● WORK ITEM
Beginning with the first line of the data below, reproduce every line unchanged, ending with the line that holds "#154=IFCINDEXEDPOLYGONALFACE((15,16,20,19));".

● TASK INPUTS
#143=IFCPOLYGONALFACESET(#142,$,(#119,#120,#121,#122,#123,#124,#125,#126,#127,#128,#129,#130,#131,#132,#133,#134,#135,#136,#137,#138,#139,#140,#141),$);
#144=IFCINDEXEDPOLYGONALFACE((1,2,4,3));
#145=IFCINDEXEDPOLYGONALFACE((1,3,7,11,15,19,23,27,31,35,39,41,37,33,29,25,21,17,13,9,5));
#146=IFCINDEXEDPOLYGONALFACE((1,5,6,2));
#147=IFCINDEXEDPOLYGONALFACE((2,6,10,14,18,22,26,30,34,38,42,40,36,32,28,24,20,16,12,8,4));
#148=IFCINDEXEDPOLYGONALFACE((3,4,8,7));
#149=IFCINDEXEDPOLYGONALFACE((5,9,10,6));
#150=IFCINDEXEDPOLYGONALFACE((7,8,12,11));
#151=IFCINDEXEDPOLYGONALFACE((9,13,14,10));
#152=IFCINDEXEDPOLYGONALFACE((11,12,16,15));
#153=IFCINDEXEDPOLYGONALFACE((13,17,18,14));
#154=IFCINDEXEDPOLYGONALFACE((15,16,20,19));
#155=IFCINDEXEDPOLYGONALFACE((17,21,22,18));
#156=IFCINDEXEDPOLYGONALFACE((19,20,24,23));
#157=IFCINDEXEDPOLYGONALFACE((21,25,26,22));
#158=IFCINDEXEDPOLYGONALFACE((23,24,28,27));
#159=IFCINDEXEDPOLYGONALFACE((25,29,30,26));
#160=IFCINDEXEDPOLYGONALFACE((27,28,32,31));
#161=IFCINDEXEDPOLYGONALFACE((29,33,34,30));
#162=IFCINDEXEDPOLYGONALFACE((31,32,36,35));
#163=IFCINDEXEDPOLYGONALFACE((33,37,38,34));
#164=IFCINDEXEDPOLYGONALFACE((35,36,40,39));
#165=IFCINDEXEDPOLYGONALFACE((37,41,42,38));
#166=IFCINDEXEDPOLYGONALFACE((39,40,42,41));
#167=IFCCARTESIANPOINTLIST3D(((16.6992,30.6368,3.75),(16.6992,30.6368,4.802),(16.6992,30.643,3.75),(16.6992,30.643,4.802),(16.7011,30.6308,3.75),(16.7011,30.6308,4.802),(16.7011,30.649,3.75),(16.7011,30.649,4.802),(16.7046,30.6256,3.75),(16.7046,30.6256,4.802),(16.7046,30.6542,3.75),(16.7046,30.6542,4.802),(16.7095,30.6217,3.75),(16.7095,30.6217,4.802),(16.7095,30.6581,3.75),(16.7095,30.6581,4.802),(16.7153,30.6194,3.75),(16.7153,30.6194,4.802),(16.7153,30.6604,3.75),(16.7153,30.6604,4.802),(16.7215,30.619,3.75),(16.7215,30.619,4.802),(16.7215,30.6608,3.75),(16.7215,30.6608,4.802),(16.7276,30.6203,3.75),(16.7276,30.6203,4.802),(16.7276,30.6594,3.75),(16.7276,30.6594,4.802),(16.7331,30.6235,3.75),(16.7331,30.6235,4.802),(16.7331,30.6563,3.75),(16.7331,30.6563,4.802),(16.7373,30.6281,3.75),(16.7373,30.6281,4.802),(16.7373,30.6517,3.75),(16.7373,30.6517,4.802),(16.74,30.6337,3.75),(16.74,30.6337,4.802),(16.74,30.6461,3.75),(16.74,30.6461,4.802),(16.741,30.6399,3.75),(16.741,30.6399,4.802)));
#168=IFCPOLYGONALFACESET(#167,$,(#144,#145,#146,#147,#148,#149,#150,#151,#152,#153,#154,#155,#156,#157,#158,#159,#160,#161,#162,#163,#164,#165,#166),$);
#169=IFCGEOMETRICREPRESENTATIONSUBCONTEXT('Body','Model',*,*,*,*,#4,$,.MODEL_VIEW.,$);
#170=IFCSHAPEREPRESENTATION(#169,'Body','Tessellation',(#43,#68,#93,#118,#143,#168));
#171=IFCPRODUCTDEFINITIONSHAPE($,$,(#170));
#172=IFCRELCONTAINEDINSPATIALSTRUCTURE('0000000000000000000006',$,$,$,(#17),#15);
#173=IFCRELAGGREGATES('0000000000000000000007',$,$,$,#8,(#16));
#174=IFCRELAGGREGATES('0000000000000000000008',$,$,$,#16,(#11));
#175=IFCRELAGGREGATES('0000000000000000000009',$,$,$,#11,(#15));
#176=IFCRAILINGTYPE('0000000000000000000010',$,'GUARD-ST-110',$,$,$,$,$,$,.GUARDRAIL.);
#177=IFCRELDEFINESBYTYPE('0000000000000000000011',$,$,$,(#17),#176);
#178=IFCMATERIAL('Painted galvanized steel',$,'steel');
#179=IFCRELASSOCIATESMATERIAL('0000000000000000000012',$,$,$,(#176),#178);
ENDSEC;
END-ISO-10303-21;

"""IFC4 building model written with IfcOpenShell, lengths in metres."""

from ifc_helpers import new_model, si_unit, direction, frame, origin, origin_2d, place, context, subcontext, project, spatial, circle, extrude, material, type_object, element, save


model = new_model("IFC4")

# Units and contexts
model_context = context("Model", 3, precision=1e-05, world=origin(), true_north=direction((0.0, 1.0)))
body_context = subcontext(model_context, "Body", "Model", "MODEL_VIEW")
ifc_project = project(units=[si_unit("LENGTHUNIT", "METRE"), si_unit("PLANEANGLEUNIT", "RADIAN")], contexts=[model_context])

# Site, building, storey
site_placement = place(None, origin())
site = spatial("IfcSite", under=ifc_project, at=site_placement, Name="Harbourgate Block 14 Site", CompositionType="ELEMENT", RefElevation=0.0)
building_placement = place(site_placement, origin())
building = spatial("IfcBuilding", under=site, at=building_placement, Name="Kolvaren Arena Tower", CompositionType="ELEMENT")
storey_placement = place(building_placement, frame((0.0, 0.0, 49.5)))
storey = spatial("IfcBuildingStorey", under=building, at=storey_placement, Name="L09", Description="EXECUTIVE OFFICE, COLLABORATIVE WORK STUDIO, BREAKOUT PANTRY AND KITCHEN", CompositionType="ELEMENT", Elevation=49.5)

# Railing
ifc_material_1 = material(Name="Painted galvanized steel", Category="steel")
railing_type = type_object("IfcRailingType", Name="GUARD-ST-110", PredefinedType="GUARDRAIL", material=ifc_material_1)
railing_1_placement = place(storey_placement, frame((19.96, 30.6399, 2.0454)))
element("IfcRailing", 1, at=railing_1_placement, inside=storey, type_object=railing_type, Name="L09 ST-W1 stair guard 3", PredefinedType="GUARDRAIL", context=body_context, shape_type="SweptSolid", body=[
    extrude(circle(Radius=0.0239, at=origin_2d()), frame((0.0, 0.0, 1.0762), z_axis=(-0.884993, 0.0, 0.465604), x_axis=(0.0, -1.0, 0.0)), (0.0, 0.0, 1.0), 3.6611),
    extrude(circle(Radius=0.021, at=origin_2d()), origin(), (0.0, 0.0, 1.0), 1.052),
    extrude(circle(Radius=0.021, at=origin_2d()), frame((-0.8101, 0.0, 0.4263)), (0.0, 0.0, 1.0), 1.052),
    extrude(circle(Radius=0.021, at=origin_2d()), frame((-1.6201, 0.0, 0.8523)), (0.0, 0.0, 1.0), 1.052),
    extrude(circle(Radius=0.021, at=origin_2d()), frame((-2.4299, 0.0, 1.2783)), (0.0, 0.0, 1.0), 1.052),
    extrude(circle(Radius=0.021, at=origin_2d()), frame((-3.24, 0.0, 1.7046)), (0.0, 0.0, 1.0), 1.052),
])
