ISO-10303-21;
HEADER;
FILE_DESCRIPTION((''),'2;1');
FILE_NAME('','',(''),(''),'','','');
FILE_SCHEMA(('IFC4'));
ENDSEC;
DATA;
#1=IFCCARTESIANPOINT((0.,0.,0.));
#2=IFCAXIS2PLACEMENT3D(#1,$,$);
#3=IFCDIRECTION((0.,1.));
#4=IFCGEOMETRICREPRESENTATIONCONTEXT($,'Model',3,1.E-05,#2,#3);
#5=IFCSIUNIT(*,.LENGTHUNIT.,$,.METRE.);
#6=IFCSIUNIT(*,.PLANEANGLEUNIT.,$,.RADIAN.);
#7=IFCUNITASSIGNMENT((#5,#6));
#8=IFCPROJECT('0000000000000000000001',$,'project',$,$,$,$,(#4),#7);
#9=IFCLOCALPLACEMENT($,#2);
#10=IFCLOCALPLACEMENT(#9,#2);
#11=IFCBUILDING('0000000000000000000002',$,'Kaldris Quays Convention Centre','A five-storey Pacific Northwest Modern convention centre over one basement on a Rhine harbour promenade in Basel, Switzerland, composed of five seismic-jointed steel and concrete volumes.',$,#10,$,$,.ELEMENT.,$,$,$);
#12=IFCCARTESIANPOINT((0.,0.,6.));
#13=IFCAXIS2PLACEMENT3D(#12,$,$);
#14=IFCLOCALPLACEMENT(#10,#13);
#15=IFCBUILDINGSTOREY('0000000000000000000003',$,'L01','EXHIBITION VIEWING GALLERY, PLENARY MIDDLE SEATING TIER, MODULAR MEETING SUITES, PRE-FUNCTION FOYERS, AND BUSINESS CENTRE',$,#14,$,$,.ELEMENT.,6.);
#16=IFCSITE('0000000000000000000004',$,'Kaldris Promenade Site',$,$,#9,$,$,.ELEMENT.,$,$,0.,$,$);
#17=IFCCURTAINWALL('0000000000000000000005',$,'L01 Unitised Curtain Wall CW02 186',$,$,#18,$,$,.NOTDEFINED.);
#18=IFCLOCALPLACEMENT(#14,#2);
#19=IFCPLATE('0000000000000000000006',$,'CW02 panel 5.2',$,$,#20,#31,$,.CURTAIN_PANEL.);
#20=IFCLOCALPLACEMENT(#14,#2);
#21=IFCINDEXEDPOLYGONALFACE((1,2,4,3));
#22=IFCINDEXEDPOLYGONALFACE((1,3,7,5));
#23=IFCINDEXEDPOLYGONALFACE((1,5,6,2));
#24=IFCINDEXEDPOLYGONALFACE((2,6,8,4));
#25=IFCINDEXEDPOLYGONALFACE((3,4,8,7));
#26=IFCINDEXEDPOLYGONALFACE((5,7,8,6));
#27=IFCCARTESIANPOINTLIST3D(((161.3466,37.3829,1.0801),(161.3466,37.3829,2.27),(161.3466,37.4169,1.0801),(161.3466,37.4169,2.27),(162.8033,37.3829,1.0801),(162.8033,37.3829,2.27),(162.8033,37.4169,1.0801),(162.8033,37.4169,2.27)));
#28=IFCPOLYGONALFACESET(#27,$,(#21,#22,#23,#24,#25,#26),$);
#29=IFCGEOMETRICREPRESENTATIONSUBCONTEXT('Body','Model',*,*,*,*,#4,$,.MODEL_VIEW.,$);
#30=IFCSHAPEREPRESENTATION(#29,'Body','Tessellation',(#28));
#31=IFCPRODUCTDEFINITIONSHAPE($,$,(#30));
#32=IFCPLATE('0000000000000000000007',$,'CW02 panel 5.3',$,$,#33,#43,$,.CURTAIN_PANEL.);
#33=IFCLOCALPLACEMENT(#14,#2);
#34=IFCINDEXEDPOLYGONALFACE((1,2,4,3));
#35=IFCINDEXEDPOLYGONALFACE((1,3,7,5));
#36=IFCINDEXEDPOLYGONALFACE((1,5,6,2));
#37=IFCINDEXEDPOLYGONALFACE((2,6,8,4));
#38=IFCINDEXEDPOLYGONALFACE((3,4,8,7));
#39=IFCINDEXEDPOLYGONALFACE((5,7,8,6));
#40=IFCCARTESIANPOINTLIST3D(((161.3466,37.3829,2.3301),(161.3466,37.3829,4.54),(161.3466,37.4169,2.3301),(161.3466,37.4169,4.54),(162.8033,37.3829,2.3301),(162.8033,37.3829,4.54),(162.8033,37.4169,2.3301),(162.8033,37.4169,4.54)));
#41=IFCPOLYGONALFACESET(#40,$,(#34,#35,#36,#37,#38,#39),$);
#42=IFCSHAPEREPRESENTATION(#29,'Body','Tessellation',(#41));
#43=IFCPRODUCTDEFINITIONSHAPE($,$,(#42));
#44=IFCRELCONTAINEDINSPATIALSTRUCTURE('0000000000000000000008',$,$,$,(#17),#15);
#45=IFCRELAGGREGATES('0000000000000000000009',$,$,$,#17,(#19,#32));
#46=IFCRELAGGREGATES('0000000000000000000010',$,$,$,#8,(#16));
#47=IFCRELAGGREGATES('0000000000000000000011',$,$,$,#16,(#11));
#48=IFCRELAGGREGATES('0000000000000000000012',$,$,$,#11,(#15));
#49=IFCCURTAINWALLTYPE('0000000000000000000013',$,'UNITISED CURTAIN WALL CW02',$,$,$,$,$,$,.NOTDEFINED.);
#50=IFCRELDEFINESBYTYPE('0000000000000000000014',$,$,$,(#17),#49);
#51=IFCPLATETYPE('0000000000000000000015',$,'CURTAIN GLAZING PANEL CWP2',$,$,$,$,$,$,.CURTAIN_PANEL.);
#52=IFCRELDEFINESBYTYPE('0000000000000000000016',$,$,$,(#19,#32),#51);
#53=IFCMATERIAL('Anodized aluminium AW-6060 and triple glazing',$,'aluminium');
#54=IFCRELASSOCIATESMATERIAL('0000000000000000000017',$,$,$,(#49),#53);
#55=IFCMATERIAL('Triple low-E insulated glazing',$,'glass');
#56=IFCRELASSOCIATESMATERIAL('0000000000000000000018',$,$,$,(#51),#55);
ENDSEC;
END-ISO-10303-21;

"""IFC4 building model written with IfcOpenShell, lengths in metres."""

from ifc_helpers import new_model, si_unit, direction, frame, origin, origin_2d, place, context, subcontext, project, spatial, rectangle, extrude, material, type_object, element, aggregate, save


model = new_model("IFC4")

# Units and contexts
model_context = context("Model", 3, precision=1e-05, world=origin(), true_north=direction((0.0, 1.0)))
body_context = subcontext(model_context, "Body", "Model", "MODEL_VIEW")
ifc_project = project(units=[si_unit("LENGTHUNIT", "METRE"), si_unit("PLANEANGLEUNIT", "RADIAN")], contexts=[model_context])

# Site, building, storey
site_placement = place(None, origin())
site = spatial("IfcSite", under=ifc_project, at=site_placement, Name="Kaldris Promenade Site", CompositionType="ELEMENT", RefElevation=0.0)
building_placement = place(site_placement, origin())
building = spatial("IfcBuilding", under=site, at=building_placement, Name="Kaldris Quays Convention Centre", Description="A five-storey Pacific Northwest Modern convention centre over one basement on a Rhine harbour promenade in Basel, Switzerland, composed of five seismic-jointed steel and concrete volumes.", CompositionType="ELEMENT")
storey_placement = place(building_placement, frame((0.0, 0.0, 6.0)))
storey = spatial("IfcBuildingStorey", under=building, at=storey_placement, Name="L01", Description="EXHIBITION VIEWING GALLERY, PLENARY MIDDLE SEATING TIER, MODULAR MEETING SUITES, PRE-FUNCTION FOYERS, AND BUSINESS CENTRE", CompositionType="ELEMENT", Elevation=6.0)

# Curtain wall, plates
ifc_material_1 = material(Name="Anodized aluminium AW-6060 and triple glazing", Category="aluminium")
curtain_wall_type = type_object("IfcCurtainWallType", Name="UNITISED CURTAIN WALL CW02", PredefinedType="NOTDEFINED", material=ifc_material_1)
curtain_wall_placement = place(storey_placement, origin())
curtain_wall = element("IfcCurtainWall", 1, at=curtain_wall_placement, inside=storey, type_object=curtain_wall_type, Name="L01 Unitised Curtain Wall CW02 186", PredefinedType="NOTDEFINED")
ifc_material_2 = material(Name="Triple low-E insulated glazing", Category="glass")
plate_type = type_object("IfcPlateType", Name="CURTAIN GLAZING PANEL CWP2", PredefinedType="CURTAIN_PANEL", material=ifc_material_2)
plate_1_placement = place(storey_placement, frame((162.075, 37.3999, 1.0801), z_axis=(0.0, 0.0, 1.0), x_axis=(1.0, 0.0, 0.0)))
plate_1 = element("IfcPlate", 2, at=plate_1_placement, type_object=plate_type, Name="CW02 panel 5.2", PredefinedType="CURTAIN_PANEL", context=body_context, shape_type="SweptSolid", body=[
    extrude(rectangle(XDim=1.4568, YDim=0.0339, at=origin_2d()), origin(), (0.0, 0.0, 1.0), 1.1899),
])
plate_2_placement = place(storey_placement, frame((162.075, 37.3999, 2.3301), z_axis=(0.0, 0.0, 1.0), x_axis=(1.0, 0.0, 0.0)))
plate_2 = element("IfcPlate", 3, at=plate_2_placement, type_object=plate_type, Name="CW02 panel 5.3", PredefinedType="CURTAIN_PANEL", context=body_context, shape_type="SweptSolid", body=[
    extrude(rectangle(XDim=1.4568, YDim=0.0339, at=origin_2d()), origin(), (0.0, 0.0, 1.0), 2.21),
])
aggregate(curtain_wall, [plate_1, plate_2])

save(model, "model.ifc")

● COMPLETED TASK
#143=IFCPOLYGONALFACESET(#142,$,(#119,#120,#121,#122,#123,#124,#125,#126,#127,#128,#129,#130,#131,#132,#133,#134,#135,#136,#137,#138,#139,#140,#141),$);
#144=IFCINDEXEDPOLYGONALFACE((1,2,4,3));
#145=IFCINDEXEDPOLYGONALFACE((1,3,7,11,15,19,23,27,31,35,39,41,37,33,29,25,21,17,13,9,5));
#146=IFCINDEXEDPOLYGONALFACE((1,5,6,2));
#147=IFCINDEXEDPOLYGONALFACE((2,6,10,14,18,22,26,30,34,38,42,40,36,32,28,24,20,16,12,8,4));
#148=IFCINDEXEDPOLYGONALFACE((3,4,8,7));
#149=IFCINDEXEDPOLYGONALFACE((5,9,10,6));
#150=IFCINDEXEDPOLYGONALFACE((7,8,12,11));
#151=IFCINDEXEDPOLYGONALFACE((9,13,14,10));
#152=IFCINDEXEDPOLYGONALFACE((11,12,16,15));
#153=IFCINDEXEDPOLYGONALFACE((13,17,18,14));
#154=IFCINDEXEDPOLYGONALFACE((15,16,20,19));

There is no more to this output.